─── SOURCE DATA

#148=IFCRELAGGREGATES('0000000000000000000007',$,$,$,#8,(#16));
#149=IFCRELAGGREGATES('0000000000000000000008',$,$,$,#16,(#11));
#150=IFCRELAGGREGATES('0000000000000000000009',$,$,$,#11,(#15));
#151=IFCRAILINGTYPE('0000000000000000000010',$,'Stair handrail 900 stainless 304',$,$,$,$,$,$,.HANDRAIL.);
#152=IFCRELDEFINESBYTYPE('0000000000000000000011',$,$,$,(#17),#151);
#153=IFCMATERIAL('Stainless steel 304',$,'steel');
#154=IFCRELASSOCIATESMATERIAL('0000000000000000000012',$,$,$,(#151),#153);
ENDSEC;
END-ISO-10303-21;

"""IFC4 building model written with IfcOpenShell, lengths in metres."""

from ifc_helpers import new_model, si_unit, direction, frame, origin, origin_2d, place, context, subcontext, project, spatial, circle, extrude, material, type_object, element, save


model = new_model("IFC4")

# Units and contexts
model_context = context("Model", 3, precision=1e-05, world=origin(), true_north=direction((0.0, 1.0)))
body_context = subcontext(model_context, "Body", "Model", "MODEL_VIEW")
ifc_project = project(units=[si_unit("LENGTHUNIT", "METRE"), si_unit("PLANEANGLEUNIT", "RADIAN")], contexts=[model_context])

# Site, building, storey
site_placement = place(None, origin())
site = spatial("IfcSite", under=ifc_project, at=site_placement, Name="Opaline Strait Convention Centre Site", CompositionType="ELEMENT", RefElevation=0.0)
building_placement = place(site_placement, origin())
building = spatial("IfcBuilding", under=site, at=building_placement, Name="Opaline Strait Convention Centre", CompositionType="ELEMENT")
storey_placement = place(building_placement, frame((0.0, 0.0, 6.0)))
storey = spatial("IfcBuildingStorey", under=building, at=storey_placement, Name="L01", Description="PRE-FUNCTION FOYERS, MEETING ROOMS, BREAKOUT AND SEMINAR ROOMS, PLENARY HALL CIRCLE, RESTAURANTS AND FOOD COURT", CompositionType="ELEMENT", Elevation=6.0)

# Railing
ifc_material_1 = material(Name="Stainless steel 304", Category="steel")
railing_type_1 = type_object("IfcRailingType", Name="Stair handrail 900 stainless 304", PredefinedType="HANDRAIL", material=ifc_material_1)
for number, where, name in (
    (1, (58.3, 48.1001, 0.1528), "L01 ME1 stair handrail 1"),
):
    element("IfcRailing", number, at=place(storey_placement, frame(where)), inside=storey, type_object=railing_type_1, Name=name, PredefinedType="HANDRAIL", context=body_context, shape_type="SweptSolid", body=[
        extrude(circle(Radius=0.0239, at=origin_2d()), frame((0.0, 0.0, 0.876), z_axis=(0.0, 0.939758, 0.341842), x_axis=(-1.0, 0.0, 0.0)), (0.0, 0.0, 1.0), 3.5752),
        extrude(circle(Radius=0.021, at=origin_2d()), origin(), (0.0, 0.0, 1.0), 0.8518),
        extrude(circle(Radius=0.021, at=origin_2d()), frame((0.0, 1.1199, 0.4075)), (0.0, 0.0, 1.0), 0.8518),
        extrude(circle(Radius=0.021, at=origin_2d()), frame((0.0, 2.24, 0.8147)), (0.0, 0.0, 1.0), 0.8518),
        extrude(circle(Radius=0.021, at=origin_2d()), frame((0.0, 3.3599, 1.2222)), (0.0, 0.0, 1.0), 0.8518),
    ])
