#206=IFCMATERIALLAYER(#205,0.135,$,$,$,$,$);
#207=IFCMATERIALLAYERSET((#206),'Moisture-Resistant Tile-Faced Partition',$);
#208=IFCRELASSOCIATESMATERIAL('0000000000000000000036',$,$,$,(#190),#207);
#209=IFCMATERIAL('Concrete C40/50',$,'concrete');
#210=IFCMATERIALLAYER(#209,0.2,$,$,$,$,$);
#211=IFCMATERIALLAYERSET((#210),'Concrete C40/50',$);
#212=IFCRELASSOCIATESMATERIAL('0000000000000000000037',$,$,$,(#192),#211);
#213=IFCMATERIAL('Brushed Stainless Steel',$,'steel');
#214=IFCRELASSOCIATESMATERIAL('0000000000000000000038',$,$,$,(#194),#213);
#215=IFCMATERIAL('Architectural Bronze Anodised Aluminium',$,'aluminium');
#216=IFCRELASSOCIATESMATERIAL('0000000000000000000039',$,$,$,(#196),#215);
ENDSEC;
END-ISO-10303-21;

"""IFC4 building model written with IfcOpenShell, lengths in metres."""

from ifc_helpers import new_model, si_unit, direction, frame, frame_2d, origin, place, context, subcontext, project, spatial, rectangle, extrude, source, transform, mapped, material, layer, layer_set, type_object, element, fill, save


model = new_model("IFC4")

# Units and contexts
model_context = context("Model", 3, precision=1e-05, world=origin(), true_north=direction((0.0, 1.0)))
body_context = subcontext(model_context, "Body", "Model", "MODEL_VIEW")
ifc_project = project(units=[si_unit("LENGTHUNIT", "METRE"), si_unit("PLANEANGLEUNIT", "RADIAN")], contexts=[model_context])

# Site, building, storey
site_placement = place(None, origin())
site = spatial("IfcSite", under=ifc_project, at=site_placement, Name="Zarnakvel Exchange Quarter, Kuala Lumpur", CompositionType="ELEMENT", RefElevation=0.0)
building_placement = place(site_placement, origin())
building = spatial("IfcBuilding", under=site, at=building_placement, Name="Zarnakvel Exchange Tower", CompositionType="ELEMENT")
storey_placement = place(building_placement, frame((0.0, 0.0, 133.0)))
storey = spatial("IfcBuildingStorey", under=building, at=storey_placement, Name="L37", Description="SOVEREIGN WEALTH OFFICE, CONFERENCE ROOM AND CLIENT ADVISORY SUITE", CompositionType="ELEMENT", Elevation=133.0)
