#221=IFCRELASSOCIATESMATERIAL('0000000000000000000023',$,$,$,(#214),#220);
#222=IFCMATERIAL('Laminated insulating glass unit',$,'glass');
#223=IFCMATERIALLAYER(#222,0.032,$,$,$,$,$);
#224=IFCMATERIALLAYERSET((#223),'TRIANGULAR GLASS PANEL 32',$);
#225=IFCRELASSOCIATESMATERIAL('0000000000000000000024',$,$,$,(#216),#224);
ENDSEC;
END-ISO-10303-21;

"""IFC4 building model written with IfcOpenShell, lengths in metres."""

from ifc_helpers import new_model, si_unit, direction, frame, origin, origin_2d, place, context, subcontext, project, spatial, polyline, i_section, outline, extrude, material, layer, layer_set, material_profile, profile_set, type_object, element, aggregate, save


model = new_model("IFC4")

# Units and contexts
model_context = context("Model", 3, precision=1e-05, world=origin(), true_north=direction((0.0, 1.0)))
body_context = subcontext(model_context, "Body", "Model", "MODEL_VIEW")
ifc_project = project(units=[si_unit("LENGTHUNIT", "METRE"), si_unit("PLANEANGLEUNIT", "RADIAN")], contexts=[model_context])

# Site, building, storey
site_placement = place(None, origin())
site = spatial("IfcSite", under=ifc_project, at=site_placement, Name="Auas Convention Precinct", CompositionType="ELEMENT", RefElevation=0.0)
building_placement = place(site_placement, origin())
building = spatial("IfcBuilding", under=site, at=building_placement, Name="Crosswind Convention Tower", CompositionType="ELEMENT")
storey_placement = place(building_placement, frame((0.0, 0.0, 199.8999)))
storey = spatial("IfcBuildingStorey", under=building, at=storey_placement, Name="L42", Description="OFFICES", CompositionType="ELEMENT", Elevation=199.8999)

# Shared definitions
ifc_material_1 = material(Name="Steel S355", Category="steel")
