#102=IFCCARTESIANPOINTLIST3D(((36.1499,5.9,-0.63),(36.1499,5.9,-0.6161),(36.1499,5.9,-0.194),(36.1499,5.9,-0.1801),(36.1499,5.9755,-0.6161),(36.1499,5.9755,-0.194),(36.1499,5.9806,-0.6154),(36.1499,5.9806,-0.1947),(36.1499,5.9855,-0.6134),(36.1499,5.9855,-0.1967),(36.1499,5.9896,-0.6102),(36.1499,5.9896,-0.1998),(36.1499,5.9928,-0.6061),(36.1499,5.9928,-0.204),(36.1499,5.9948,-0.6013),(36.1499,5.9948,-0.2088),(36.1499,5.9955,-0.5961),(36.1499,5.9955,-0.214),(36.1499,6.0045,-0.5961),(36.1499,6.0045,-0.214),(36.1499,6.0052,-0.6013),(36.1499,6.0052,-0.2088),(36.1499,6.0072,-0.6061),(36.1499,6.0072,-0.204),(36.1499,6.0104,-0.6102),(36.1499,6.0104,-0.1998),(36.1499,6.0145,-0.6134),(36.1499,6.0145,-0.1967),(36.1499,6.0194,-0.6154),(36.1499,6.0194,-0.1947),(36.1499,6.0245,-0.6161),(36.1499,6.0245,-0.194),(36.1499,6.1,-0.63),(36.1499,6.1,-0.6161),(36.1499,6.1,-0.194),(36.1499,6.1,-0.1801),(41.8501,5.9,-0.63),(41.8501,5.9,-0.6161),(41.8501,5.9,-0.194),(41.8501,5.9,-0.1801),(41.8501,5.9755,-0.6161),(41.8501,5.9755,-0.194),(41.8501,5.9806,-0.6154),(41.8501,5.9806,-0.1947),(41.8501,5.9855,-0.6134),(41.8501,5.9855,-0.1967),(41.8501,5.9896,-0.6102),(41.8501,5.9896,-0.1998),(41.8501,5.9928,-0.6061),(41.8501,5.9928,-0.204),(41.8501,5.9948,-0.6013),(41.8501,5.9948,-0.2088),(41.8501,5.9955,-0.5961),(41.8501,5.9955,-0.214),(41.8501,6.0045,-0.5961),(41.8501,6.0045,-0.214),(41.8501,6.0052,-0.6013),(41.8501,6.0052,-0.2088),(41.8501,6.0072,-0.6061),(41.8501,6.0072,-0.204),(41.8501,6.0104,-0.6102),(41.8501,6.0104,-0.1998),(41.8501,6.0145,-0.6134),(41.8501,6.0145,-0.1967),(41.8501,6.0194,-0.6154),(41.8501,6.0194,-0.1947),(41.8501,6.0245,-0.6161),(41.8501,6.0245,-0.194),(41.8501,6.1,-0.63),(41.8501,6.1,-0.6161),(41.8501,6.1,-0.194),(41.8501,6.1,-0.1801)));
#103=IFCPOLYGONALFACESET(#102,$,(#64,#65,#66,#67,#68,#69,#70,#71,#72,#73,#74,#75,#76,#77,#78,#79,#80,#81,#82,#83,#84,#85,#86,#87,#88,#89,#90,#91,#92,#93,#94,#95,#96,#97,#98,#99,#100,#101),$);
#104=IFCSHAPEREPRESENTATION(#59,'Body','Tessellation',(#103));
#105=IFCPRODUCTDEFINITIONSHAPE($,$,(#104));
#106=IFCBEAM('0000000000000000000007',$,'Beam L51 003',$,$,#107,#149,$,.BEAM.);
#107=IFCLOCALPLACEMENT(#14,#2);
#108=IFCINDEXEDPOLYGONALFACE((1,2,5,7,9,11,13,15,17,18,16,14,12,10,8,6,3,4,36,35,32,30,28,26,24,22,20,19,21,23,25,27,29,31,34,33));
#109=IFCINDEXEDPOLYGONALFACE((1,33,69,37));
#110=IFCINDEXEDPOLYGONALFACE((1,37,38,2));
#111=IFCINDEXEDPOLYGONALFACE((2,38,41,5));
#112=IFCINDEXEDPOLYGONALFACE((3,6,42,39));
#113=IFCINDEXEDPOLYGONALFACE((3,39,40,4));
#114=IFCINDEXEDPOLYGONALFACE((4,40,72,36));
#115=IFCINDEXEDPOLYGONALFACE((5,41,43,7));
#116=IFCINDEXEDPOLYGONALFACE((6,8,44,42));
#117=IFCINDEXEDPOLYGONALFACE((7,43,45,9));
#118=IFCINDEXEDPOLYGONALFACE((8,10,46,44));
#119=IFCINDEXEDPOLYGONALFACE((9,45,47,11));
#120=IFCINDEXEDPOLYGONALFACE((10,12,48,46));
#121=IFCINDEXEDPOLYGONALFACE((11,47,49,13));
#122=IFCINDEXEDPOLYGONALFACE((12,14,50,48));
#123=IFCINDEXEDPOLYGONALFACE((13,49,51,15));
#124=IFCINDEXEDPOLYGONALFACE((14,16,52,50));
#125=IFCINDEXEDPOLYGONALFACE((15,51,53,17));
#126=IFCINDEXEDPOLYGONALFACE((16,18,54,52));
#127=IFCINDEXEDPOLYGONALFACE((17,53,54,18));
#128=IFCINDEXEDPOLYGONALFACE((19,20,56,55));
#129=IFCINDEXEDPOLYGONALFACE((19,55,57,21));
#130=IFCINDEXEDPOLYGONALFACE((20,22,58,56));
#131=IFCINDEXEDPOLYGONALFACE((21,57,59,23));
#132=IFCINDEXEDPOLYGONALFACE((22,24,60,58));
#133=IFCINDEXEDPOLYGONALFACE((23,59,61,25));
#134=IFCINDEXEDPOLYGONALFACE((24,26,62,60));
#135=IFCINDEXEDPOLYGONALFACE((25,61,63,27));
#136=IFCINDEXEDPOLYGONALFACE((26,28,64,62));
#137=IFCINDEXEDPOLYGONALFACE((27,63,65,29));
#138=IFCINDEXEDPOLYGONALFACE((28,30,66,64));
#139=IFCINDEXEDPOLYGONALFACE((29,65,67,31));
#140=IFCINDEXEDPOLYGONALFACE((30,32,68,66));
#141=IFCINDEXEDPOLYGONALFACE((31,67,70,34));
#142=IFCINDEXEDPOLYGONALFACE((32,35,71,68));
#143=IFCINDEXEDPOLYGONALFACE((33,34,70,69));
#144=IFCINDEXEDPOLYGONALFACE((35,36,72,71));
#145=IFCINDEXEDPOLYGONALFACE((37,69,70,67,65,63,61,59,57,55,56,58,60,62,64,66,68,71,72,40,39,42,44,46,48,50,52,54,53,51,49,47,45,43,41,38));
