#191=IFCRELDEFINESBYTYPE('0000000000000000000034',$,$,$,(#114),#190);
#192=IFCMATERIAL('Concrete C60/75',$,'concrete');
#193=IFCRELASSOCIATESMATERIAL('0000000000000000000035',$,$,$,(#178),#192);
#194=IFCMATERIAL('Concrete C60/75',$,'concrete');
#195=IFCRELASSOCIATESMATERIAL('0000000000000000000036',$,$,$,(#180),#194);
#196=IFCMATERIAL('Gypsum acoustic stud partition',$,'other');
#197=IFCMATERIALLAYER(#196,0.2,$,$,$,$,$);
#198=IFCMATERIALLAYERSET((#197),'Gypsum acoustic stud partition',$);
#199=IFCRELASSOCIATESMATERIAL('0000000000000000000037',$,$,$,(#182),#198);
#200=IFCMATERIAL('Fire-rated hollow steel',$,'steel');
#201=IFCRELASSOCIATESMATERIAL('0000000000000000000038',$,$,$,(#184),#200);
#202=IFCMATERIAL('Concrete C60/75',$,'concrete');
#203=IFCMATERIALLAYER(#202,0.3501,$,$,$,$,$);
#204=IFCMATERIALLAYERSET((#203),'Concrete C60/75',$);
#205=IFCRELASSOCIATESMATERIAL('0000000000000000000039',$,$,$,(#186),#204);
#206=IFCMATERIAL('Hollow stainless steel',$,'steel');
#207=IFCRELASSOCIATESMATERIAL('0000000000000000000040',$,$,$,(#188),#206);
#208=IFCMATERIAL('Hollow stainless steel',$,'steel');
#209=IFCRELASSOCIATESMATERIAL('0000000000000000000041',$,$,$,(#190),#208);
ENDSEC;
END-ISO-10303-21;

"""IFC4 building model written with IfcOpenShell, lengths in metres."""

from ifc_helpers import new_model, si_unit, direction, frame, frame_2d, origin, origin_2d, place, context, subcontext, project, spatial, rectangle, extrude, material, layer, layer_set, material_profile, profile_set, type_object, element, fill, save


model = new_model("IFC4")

──────

WHAT THIS TASK INVOLVES: In the listing above, find the line with "#224=IFCMATERIALLAYERSET((#223),'TRIANGULAR GLASS PANEL" and the line with "frame((0.0, 0.0, 199.8999)))", then print exactly those two lines and every line between them, and nothing more.

SOLUTION TO THIS TASK:
#224=IFCMATERIALLAYERSET((#223),'TRIANGULAR GLASS PANEL 32',$);
#225=IFCRELASSOCIATESMATERIAL('0000000000000000000024',$,$,$,(#216),#224);
ENDSEC;
END-ISO-10303-21;

"""IFC4 building model written with IfcOpenShell, lengths in metres."""

from ifc_helpers import new_model, si_unit, direction, frame, origin, origin_2d, place, context, subcontext, project, spatial, polyline, i_section, outline, extrude, material, layer, layer_set, material_profile, profile_set, type_object, element, aggregate, save


model = new_model("IFC4")

# Units and contexts
model_context = context("Model", 3, precision=1e-05, world=origin(), true_north=direction((0.0, 1.0)))
body_context = subcontext(model_context, "Body", "Model", "MODEL_VIEW")
ifc_project = project(units=[si_unit("LENGTHUNIT", "METRE"), si_unit("PLANEANGLEUNIT", "RADIAN")], contexts=[model_context])

# Site, building, storey
site_placement = place(None, origin())
site = spatial("IfcSite", under=ifc_project, at=site_placement, Name="Auas Convention Precinct", CompositionType="ELEMENT", RefElevation=0.0)
building_placement = place(site_placement, origin())
building = spatial("IfcBuilding", under=site, at=building_placement, Name="Crosswind Convention Tower", CompositionType="ELEMENT")
storey_placement = place(building_placement, frame((0.0, 0.0, 199.8999)))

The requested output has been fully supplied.